DATASET EXTRACT —
--- START ---

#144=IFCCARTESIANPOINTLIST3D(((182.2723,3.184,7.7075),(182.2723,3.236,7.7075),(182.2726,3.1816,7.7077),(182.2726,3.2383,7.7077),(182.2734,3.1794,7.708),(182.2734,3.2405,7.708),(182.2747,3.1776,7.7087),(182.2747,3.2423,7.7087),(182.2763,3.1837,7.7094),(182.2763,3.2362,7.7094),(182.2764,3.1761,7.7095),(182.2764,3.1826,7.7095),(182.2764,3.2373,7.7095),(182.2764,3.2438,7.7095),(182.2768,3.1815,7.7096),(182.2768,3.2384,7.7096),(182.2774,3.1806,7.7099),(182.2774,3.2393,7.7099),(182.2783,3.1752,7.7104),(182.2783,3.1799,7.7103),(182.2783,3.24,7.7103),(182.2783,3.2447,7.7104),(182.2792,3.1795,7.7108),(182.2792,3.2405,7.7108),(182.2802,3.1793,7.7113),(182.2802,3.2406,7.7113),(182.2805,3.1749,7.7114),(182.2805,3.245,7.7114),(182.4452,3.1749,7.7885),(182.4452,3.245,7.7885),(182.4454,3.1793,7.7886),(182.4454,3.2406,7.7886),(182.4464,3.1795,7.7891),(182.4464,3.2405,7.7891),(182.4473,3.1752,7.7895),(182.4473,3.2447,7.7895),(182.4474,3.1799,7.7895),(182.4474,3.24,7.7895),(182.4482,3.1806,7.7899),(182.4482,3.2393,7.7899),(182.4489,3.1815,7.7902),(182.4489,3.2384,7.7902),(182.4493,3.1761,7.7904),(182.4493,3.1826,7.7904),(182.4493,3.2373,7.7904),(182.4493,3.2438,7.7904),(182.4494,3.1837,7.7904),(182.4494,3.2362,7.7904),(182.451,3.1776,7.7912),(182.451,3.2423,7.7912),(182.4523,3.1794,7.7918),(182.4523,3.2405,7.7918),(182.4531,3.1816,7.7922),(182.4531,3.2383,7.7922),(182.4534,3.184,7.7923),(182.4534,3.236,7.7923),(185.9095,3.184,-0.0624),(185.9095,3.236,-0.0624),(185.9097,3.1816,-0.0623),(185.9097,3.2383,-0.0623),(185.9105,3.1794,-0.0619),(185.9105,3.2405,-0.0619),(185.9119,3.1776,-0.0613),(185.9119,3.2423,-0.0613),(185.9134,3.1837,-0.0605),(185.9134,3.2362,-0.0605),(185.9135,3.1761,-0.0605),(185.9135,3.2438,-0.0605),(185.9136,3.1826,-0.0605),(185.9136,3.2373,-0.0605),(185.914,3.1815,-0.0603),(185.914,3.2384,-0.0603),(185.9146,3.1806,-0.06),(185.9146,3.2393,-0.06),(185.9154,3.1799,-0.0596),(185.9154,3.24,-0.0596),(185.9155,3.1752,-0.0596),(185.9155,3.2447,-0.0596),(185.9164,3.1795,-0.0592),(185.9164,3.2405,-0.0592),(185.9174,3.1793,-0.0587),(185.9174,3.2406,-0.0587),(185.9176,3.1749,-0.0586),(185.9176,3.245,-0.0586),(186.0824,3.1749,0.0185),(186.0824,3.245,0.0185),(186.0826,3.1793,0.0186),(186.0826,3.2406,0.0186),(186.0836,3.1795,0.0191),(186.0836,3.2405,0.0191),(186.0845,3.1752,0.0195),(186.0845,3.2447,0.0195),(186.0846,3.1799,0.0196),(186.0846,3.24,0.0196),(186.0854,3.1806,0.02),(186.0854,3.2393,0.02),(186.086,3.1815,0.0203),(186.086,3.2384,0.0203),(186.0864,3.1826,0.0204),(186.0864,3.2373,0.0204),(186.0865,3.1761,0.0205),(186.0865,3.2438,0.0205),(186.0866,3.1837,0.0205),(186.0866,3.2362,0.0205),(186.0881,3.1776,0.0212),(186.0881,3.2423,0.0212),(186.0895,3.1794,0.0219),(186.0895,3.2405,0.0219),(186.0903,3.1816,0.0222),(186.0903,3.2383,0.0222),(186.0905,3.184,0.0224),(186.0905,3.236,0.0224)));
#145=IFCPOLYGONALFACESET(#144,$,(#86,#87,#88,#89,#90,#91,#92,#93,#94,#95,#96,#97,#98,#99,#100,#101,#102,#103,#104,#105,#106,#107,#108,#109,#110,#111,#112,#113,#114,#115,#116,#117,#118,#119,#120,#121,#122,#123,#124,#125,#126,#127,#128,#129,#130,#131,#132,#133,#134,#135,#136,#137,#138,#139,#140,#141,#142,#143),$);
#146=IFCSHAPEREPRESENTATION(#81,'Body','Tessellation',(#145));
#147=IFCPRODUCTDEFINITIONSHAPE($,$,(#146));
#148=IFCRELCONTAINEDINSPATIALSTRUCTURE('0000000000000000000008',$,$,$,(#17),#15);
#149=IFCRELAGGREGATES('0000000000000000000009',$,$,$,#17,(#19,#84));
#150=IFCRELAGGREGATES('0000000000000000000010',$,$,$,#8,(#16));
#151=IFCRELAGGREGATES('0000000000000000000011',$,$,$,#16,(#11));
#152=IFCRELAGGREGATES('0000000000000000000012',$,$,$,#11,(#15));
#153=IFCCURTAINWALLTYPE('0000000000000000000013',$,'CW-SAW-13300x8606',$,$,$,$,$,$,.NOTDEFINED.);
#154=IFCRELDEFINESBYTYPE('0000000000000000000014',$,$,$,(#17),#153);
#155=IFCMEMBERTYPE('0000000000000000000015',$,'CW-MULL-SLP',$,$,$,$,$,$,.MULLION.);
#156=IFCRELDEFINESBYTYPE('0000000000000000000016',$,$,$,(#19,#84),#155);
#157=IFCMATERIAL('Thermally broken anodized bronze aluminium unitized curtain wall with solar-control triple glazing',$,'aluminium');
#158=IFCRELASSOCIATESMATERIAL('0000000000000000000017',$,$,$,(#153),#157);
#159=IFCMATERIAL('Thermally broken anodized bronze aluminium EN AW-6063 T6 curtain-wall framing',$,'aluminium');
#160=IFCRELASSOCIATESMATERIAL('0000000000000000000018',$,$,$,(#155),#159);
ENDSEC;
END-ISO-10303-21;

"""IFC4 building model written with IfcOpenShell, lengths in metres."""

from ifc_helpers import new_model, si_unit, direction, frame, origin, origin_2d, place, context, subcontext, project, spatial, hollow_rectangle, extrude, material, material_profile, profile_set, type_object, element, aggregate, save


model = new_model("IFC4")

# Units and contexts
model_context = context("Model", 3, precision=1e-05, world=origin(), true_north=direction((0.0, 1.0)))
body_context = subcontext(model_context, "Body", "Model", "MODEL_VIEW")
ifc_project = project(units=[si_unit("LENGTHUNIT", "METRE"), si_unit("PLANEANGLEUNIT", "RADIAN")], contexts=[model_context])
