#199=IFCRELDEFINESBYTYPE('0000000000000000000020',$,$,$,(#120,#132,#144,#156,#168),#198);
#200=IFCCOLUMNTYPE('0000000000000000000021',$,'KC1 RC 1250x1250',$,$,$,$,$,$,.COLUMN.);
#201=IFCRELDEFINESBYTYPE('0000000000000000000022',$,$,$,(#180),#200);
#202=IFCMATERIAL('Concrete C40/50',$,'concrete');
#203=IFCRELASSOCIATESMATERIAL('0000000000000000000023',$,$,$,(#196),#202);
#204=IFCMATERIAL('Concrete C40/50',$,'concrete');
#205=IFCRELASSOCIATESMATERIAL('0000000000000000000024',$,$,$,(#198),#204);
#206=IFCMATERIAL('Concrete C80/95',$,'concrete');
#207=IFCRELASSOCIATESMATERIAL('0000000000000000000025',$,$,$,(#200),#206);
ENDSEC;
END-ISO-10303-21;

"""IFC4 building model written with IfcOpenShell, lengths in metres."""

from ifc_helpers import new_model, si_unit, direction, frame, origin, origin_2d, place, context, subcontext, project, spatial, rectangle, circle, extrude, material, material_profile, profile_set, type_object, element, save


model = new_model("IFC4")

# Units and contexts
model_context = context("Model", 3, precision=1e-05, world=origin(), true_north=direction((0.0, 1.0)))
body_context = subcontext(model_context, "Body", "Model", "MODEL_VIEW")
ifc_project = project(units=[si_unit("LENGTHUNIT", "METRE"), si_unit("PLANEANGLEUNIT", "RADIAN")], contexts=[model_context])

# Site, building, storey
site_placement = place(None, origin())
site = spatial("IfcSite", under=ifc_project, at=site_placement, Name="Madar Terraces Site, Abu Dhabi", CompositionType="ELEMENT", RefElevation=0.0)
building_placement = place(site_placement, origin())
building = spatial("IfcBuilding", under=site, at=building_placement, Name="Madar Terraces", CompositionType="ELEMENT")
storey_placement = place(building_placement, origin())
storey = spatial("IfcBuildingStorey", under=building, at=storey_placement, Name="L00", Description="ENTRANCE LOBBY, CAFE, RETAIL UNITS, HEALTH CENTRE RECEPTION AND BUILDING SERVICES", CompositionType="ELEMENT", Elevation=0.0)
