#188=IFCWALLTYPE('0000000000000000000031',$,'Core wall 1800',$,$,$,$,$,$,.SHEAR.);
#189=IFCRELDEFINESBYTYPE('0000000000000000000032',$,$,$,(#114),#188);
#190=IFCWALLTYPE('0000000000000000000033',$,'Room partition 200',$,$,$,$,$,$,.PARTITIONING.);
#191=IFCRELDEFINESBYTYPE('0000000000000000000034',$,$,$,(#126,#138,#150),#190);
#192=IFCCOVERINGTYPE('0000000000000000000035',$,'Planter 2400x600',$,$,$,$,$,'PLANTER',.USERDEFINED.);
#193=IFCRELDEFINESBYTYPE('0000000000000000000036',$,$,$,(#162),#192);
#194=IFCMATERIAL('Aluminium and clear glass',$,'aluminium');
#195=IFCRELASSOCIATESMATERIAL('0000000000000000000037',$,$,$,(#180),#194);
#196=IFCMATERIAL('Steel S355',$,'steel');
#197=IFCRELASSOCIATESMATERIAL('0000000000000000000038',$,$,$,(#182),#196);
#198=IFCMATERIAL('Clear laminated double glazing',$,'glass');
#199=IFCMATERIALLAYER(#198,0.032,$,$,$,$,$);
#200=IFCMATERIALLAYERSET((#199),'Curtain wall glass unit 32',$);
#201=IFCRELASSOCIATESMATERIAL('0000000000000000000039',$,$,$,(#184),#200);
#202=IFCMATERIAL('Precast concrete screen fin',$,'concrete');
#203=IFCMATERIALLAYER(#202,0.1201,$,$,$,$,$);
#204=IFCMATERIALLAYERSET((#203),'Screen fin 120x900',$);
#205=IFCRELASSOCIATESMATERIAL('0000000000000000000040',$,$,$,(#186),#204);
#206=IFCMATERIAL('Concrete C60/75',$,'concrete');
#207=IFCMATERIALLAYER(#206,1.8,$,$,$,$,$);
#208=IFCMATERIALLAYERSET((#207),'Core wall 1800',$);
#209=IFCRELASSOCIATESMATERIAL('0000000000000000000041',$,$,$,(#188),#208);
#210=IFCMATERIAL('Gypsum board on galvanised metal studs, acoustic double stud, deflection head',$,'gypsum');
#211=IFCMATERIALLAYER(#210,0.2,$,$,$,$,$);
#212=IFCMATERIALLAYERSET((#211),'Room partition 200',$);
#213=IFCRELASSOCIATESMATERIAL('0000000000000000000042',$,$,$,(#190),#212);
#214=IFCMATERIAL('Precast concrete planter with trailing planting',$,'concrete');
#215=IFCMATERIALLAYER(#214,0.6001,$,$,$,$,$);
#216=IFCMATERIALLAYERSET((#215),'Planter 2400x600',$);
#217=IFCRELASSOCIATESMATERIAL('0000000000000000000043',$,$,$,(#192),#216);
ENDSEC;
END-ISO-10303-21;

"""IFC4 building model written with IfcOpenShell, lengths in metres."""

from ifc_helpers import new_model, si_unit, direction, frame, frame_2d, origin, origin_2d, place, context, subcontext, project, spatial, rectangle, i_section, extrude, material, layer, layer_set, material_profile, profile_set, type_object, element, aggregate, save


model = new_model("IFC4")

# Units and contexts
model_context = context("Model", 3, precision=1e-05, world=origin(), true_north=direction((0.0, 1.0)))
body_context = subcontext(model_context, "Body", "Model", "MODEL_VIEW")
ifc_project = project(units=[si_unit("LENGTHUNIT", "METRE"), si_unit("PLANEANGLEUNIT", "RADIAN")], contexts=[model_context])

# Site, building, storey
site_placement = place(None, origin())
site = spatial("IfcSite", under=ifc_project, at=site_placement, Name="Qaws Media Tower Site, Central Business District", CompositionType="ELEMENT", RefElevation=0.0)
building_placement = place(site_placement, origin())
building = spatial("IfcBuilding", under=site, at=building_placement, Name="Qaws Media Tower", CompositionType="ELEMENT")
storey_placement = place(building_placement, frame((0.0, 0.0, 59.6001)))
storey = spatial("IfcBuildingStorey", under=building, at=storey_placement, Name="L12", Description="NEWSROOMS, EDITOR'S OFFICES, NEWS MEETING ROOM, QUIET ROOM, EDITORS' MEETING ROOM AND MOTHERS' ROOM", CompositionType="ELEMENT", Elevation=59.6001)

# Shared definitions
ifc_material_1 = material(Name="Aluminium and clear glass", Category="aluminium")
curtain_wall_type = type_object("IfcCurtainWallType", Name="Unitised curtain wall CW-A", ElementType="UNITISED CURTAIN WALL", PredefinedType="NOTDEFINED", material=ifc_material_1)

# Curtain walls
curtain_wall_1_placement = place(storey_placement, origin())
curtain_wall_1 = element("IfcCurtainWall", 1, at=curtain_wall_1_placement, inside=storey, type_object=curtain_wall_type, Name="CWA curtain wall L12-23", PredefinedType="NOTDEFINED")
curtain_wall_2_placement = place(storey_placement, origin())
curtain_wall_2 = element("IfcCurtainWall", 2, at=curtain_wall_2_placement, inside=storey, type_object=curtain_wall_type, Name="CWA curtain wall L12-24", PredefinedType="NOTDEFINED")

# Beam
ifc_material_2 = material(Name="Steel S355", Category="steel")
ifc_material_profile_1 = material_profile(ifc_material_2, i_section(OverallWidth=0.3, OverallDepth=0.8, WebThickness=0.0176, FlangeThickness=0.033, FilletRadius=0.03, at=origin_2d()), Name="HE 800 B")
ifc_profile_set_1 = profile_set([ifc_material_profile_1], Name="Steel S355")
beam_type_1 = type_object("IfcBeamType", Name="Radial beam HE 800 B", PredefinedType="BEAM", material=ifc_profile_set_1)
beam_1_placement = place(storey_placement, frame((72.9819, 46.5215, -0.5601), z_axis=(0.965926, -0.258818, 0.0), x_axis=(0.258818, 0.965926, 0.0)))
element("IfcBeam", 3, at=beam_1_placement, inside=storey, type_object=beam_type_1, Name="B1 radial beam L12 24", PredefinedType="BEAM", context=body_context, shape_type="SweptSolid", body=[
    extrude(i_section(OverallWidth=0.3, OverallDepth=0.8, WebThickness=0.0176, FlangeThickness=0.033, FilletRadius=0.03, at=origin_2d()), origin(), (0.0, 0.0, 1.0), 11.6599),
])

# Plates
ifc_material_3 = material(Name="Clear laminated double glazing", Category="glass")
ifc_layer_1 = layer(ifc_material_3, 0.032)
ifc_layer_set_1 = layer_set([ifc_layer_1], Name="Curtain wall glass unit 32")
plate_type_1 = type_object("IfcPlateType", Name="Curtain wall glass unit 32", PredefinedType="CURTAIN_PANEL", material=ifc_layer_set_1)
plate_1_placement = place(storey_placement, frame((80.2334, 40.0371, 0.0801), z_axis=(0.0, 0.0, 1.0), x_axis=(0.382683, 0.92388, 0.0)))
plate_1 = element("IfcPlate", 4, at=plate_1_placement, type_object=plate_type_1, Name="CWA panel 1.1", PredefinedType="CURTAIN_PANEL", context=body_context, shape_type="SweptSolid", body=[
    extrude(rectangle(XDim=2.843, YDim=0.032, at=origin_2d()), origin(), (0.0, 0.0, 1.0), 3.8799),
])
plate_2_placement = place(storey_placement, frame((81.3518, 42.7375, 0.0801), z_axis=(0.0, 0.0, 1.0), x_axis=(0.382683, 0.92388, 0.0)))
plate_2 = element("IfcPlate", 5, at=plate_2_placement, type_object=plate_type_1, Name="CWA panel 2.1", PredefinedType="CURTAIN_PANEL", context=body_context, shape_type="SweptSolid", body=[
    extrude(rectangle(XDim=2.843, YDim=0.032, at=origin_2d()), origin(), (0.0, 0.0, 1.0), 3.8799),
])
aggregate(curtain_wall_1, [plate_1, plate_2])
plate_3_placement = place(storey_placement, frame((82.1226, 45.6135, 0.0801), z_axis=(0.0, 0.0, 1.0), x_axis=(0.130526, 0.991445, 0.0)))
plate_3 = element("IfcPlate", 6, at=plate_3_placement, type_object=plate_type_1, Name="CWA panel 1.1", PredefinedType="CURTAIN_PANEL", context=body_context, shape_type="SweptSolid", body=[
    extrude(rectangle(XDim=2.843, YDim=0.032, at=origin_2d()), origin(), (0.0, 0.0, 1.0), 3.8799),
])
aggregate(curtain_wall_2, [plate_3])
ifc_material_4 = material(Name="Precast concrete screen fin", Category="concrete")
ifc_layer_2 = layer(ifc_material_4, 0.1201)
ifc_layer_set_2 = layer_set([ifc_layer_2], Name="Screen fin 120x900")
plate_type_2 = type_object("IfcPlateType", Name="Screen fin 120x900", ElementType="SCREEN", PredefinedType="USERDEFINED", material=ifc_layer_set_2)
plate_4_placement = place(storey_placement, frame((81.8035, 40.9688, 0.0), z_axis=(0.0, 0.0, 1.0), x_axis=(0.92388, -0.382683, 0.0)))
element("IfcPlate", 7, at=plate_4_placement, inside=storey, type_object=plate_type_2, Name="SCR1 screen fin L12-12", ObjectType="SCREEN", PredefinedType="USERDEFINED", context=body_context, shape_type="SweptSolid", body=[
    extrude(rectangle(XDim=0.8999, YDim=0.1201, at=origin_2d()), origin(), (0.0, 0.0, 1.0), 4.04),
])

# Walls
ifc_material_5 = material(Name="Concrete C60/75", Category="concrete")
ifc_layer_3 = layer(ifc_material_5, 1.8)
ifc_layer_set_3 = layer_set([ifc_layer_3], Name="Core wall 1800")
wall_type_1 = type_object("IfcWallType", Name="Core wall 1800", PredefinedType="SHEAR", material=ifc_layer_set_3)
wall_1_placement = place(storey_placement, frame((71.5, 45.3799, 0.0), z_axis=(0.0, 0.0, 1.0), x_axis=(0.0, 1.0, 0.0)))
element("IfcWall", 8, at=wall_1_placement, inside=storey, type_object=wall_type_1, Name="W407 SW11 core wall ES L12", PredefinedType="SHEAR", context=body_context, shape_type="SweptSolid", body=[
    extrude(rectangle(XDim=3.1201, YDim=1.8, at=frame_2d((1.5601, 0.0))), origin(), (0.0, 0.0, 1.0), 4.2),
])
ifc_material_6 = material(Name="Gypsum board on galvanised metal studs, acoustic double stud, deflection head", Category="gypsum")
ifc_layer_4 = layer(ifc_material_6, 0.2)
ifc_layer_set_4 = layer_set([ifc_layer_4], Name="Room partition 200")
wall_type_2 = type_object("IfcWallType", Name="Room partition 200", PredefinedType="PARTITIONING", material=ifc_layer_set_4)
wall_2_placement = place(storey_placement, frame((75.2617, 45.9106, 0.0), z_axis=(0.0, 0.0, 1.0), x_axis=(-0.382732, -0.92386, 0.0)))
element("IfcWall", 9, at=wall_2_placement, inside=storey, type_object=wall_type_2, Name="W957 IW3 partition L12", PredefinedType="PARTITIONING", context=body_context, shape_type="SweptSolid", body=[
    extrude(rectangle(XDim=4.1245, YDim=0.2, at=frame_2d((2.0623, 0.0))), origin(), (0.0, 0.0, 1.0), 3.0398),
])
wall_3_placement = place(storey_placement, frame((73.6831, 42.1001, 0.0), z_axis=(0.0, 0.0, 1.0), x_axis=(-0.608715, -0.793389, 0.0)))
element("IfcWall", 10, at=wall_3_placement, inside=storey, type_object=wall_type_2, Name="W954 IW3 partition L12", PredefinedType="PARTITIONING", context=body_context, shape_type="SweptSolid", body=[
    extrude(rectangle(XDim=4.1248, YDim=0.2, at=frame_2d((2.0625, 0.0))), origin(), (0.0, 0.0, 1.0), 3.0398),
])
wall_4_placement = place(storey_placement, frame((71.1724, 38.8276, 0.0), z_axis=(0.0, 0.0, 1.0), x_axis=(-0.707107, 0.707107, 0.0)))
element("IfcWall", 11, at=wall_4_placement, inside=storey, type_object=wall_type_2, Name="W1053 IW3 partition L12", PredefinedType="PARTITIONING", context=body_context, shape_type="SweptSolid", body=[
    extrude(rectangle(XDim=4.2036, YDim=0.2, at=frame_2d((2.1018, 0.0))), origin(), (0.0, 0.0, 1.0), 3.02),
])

--- END ---

TASK DETAILS —
All lines above from the one holding "curtain_wall_1_placement = place(storey_placement, origin())" to the one holding "curtain_wall_2_placement = place(storey_placement, origin())", inclusive, are to be copied exactly; no other line is wanted.

OUTPUT —
curtain_wall_1_placement = place(storey_placement, origin())
curtain_wall_1 = element("IfcCurtainWall", 1, at=curtain_wall_1_placement, inside=storey, type_object=curtain_wall_type, Name="CWA curtain wall L12-23", PredefinedType="NOTDEFINED")
curtain_wall_2_placement = place(storey_placement, origin())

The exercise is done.